**TASK DESCRIPTION**
Please copy out each entry, word for word.

-*-*-

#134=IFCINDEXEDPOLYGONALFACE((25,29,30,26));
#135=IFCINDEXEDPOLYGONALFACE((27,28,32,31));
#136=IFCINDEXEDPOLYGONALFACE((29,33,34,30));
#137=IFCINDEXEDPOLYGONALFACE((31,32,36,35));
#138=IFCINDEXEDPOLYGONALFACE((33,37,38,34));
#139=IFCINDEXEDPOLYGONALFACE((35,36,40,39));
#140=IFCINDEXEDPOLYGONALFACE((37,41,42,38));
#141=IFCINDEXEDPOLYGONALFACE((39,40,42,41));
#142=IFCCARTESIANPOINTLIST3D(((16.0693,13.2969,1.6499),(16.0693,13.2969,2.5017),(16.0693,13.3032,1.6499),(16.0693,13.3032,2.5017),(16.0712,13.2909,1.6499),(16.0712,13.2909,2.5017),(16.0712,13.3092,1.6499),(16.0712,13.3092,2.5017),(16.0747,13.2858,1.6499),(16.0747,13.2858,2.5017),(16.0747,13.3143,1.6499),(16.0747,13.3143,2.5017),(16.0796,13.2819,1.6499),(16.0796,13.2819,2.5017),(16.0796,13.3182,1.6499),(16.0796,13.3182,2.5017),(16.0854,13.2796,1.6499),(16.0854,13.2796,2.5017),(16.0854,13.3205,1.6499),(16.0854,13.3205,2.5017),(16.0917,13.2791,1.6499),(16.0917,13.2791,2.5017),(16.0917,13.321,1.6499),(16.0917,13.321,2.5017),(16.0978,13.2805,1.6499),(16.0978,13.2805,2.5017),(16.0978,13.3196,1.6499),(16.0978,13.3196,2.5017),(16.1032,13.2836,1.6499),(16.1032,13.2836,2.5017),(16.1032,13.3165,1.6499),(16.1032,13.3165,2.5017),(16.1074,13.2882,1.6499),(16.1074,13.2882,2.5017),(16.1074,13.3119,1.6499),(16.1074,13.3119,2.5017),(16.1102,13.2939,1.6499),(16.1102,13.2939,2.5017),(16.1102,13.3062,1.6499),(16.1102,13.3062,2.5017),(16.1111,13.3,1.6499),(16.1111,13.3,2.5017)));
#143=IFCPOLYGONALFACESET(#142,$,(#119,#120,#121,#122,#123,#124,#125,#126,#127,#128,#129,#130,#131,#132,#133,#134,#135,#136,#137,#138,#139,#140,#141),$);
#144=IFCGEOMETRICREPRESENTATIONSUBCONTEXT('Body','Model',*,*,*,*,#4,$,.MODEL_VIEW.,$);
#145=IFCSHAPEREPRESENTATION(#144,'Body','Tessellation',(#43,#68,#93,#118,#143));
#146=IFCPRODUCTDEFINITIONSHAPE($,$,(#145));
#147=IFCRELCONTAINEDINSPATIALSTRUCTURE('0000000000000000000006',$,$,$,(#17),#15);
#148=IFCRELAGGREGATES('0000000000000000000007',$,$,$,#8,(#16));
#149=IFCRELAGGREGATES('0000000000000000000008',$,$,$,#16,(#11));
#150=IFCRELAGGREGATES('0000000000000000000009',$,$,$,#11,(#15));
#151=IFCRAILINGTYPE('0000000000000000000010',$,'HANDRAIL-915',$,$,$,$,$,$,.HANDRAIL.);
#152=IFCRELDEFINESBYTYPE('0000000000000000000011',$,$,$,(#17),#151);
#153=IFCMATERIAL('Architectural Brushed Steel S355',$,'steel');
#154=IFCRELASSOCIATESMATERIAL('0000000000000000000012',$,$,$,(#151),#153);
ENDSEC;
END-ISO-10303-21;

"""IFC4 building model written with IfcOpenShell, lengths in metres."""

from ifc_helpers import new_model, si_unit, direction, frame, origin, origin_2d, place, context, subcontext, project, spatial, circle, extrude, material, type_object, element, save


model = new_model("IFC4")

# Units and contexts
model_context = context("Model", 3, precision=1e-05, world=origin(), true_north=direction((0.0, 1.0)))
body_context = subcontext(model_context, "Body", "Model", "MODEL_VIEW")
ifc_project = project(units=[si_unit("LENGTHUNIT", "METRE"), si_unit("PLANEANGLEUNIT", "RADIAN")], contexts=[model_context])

-*-*-

**EXERCISE SOLUTION**
#134=IFCINDEXEDPOLYGONALFACE((25,29,30,26));
#135=IFCINDEXEDPOLYGONALFACE((27,28,32,31));
#136=IFCINDEXEDPOLYGONALFACE((29,33,34,30));
#137=IFCINDEXEDPOLYGONALFACE((31,32,36,35));
#138=IFCINDEXEDPOLYGONALFACE((33,37,38,34));
#139=IFCINDEXEDPOLYGONALFACE((35,36,40,39));
#140=IFCINDEXEDPOLYGONALFACE((37,41,42,38));
#141=IFCINDEXEDPOLYGONALFACE((39,40,42,41));
#142=IFCCARTESIANPOINTLIST3D(((16.0693,13.2969,1.6499),(16.0693,13.2969,2.5017),(16.0693,13.3032,1.6499),(16.0693,13.3032,2.5017),(16.0712,13.2909,1.6499),(16.0712,13.2909,2.5017),(16.0712,13.3092,1.6499),(16.0712,13.3092,2.5017),(16.0747,13.2858,1.6499),(16.0747,13.2858,2.5017),(16.0747,13.3143,1.6499),(16.0747,13.3143,2.5017),(16.0796,13.2819,1.6499),(16.0796,13.2819,2.5017),(16.0796,13.3182,1.6499),(16.0796,13.3182,2.5017),(16.0854,13.2796,1.6499),(16.0854,13.2796,2.5017),(16.0854,13.3205,1.6499),(16.0854,13.3205,2.5017),(16.0917,13.2791,1.6499),(16.0917,13.2791,2.5017),(16.0917,13.321,1.6499),(16.0917,13.321,2.5017),(16.0978,13.2805,1.6499),(16.0978,13.2805,2.5017),(16.0978,13.3196,1.6499),(16.0978,13.3196,2.5017),(16.1032,13.2836,1.6499),(16.1032,13.2836,2.5017),(16.1032,13.3165,1.6499),(16.1032,13.3165,2.5017),(16.1074,13.2882,1.6499),(16.1074,13.2882,2.5017),(16.1074,13.3119,1.6499),(16.1074,13.3119,2.5017),(16.1102,13.2939,1.6499),(16.1102,13.2939,2.5017),(16.1102,13.3062,1.6499),(16.1102,13.3062,2.5017),(16.1111,13.3,1.6499),(16.1111,13.3,2.5017)));
#143=IFCPOLYGONALFACESET(#142,$,(#119,#120,#121,#122,#123,#124,#125,#126,#127,#128,#129,#130,#131,#132,#133,#134,#135,#136,#137,#138,#139,#140,#141),$);
#144=IFCGEOMETRICREPRESENTATIONSUBCONTEXT('Body','Model',*,*,*,*,#4,$,.MODEL_VIEW.,$);
#145=IFCSHAPEREPRESENTATION(#144,'Body','Tessellation',(#43,#68,#93,#118,#143));
#146=IFCPRODUCTDEFINITIONSHAPE($,$,(#145));
#147=IFCRELCONTAINEDINSPATIALSTRUCTURE('0000000000000000000006',$,$,$,(#17),#15);
#148=IFCRELAGGREGATES('0000000000000000000007',$,$,$,#8,(#16));
#149=IFCRELAGGREGATES('0000000000000000000008',$,$,$,#16,(#11));
#150=IFCRELAGGREGATES('0000000000000000000009',$,$,$,#11,(#15));
#151=IFCRAILINGTYPE('0000000000000000000010',$,'HANDRAIL-915',$,$,$,$,$,$,.HANDRAIL.);
#152=IFCRELDEFINESBYTYPE('0000000000000000000011',$,$,$,(#17),#151);
#153=IFCMATERIAL('Architectural Brushed Steel S355',$,'steel');
#154=IFCRELASSOCIATESMATERIAL('0000000000000000000012',$,$,$,(#151),#153);
ENDSEC;
END-ISO-10303-21;

"""IFC4 building model written with IfcOpenShell, lengths in metres."""

from ifc_helpers import new_model, si_unit, direction, frame, origin, origin_2d, place, context, subcontext, project, spatial, circle, extrude, material, type_object, element, save


model = new_model("IFC4")

# Units and contexts
model_context = context("Model", 3, precision=1e-05, world=origin(), true_north=direction((0.0, 1.0)))
body_context = subcontext(model_context, "Body", "Model", "MODEL_VIEW")
ifc_project = project(units=[si_unit("LENGTHUNIT", "METRE"), si_unit("PLANEANGLEUNIT", "RADIAN")], contexts=[model_context])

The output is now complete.